Extract all lines that hold "Narrow" from the records below.
── Exercise material ──
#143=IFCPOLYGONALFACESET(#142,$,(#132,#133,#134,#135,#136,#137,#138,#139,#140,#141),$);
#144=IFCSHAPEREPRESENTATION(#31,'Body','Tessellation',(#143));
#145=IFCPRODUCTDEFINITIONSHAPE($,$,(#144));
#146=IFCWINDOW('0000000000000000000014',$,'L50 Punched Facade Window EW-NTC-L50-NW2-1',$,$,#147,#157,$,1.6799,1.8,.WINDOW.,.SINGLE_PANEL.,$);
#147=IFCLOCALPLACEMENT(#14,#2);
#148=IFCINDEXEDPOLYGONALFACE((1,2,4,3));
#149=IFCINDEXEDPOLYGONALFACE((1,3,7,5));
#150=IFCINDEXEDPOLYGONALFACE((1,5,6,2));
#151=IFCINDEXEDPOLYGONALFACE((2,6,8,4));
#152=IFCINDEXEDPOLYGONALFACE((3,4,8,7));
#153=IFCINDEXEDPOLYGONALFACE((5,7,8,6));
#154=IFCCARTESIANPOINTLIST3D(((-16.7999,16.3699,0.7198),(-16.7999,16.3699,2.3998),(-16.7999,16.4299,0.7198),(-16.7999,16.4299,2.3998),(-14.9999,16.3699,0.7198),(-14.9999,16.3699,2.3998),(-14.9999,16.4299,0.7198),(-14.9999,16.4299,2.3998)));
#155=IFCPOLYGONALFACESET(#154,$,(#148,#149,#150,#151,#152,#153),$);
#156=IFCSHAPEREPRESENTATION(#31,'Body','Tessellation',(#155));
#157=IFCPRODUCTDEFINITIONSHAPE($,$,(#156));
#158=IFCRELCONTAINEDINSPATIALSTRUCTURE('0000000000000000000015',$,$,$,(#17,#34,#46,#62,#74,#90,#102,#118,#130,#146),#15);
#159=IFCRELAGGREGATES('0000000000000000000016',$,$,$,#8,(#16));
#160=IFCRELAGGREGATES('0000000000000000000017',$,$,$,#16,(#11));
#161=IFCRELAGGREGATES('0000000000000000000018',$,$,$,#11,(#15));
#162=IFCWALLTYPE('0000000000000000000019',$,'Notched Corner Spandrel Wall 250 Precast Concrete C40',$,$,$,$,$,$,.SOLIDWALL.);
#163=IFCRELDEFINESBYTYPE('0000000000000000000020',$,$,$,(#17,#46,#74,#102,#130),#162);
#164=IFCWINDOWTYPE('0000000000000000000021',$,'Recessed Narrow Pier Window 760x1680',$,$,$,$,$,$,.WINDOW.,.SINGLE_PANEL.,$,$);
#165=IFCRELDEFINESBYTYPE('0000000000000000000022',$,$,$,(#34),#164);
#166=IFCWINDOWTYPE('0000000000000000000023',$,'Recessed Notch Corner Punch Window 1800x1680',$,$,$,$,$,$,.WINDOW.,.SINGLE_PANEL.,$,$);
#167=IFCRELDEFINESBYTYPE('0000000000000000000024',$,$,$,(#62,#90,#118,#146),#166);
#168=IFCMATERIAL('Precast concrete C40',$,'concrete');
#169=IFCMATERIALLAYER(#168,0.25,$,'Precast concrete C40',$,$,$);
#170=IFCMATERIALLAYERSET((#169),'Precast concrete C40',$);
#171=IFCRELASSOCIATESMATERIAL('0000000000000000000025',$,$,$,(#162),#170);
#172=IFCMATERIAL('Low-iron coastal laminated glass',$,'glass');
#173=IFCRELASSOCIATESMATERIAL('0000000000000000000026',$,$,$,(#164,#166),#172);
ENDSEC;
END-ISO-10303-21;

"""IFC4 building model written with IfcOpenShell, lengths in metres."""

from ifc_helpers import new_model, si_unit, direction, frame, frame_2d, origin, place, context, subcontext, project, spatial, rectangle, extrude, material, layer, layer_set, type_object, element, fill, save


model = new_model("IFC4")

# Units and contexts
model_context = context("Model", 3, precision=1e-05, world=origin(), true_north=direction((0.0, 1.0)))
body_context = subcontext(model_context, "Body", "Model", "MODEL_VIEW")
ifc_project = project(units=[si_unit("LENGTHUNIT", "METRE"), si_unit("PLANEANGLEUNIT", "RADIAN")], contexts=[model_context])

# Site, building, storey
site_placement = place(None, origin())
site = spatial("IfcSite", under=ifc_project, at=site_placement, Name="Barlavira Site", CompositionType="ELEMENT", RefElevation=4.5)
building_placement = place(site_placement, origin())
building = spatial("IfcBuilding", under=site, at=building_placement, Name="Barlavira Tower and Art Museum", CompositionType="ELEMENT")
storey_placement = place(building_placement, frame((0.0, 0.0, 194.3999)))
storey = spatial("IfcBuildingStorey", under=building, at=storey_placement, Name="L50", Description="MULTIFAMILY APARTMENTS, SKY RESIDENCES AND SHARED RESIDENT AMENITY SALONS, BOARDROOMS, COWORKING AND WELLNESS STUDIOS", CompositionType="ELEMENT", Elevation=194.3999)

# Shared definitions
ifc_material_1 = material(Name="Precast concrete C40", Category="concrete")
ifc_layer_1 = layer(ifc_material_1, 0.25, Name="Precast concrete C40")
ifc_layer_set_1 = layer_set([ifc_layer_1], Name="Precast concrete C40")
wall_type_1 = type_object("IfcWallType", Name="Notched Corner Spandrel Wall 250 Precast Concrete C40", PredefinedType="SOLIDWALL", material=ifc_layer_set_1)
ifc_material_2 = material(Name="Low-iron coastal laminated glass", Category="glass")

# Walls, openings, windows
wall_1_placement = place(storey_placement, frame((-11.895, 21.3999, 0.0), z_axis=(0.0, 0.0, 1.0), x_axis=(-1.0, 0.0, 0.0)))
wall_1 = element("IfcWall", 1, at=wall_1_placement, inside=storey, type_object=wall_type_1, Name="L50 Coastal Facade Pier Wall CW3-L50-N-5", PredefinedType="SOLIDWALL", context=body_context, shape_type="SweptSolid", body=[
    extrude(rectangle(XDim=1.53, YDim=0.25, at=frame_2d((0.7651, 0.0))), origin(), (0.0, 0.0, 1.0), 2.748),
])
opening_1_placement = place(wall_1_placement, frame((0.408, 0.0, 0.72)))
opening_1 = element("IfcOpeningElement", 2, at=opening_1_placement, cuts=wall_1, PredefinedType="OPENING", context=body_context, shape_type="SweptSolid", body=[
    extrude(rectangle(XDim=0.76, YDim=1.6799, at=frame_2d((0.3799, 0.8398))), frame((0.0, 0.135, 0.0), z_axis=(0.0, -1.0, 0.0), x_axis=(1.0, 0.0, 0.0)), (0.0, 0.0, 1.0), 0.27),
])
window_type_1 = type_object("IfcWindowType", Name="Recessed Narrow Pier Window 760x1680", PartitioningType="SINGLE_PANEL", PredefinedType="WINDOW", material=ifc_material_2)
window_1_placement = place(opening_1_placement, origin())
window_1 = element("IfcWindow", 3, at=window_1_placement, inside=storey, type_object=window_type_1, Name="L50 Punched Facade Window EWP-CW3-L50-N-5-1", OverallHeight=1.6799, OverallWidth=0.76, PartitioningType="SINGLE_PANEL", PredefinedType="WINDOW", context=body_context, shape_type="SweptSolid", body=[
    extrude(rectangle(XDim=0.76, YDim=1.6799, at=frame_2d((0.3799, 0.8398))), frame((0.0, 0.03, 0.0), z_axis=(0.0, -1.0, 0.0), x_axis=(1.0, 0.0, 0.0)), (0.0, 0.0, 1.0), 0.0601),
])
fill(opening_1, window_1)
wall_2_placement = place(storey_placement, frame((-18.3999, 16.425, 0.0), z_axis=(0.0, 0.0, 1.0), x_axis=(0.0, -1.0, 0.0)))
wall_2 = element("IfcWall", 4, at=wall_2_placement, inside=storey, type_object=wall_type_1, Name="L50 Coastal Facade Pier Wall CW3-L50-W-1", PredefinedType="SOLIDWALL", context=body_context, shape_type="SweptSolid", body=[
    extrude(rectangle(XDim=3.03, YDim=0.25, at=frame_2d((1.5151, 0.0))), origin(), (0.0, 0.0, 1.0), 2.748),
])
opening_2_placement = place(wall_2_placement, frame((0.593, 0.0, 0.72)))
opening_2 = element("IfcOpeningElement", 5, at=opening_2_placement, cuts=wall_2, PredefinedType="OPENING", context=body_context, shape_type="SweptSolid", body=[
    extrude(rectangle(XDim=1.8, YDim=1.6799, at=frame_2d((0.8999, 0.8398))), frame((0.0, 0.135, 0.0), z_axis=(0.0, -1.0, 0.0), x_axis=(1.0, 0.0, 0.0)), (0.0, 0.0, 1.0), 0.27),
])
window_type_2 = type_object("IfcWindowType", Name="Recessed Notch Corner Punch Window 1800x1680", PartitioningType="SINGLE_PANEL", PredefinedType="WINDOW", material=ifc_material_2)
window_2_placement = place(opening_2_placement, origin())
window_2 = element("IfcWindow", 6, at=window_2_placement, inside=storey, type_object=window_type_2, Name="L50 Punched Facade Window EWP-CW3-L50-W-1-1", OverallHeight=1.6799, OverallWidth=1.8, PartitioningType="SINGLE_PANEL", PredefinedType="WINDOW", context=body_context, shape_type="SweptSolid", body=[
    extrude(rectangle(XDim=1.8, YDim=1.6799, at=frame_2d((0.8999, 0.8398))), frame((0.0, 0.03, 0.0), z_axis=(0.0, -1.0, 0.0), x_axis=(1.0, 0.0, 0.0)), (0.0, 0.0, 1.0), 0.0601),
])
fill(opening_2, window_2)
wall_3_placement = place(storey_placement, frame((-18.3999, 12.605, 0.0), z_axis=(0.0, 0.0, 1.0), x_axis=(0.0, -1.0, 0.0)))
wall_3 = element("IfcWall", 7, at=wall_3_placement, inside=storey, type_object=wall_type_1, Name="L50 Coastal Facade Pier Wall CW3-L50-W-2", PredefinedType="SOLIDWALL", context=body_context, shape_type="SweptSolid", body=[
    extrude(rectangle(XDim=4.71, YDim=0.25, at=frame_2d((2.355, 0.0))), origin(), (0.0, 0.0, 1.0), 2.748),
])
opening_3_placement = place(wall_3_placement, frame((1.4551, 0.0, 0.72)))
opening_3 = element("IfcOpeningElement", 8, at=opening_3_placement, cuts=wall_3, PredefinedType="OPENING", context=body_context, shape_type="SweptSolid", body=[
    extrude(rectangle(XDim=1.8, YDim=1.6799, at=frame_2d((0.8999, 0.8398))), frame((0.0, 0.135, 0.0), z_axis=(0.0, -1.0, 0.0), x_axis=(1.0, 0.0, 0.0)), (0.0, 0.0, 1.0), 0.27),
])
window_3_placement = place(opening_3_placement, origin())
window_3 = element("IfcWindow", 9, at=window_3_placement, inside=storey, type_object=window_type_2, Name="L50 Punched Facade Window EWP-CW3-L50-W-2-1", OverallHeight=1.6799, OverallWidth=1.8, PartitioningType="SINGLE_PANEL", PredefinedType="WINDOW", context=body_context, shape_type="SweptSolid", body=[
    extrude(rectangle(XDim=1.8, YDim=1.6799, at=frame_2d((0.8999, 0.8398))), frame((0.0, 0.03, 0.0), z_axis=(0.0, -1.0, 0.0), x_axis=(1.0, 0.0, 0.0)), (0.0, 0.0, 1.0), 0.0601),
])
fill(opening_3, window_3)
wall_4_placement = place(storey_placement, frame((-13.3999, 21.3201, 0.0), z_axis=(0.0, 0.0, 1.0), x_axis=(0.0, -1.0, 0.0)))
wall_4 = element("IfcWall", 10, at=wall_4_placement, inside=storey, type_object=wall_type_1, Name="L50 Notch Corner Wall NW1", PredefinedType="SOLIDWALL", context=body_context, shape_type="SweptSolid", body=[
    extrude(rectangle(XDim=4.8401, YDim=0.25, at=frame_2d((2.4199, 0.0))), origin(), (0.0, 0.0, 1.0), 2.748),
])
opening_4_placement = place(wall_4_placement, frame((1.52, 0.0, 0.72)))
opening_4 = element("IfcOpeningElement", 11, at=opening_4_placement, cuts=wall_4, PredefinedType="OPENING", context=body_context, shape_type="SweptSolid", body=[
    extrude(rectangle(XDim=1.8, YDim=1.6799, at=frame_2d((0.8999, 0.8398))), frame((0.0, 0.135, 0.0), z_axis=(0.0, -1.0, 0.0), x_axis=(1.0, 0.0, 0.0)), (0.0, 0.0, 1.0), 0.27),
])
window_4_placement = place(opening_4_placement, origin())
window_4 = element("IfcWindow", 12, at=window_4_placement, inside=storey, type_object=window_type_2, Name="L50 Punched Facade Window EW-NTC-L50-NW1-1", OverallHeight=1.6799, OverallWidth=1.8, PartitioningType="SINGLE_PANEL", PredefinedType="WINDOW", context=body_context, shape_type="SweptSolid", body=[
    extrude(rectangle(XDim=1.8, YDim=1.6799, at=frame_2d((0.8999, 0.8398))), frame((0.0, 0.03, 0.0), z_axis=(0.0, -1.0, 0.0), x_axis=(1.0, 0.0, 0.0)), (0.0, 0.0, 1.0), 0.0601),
───
Result of this exercise:
#164=IFCWINDOWTYPE('0000000000000000000021',$,'Recessed Narrow Pier Window 760x1680',$,$,$,$,$,$,.WINDOW.,.SINGLE_PANEL.,$,$);
window_type_1 = type_object("IfcWindowType", Name="Recessed Narrow Pier Window 760x1680", PartitioningType="SINGLE_PANEL", PredefinedType="WINDOW", material=ifc_material_2)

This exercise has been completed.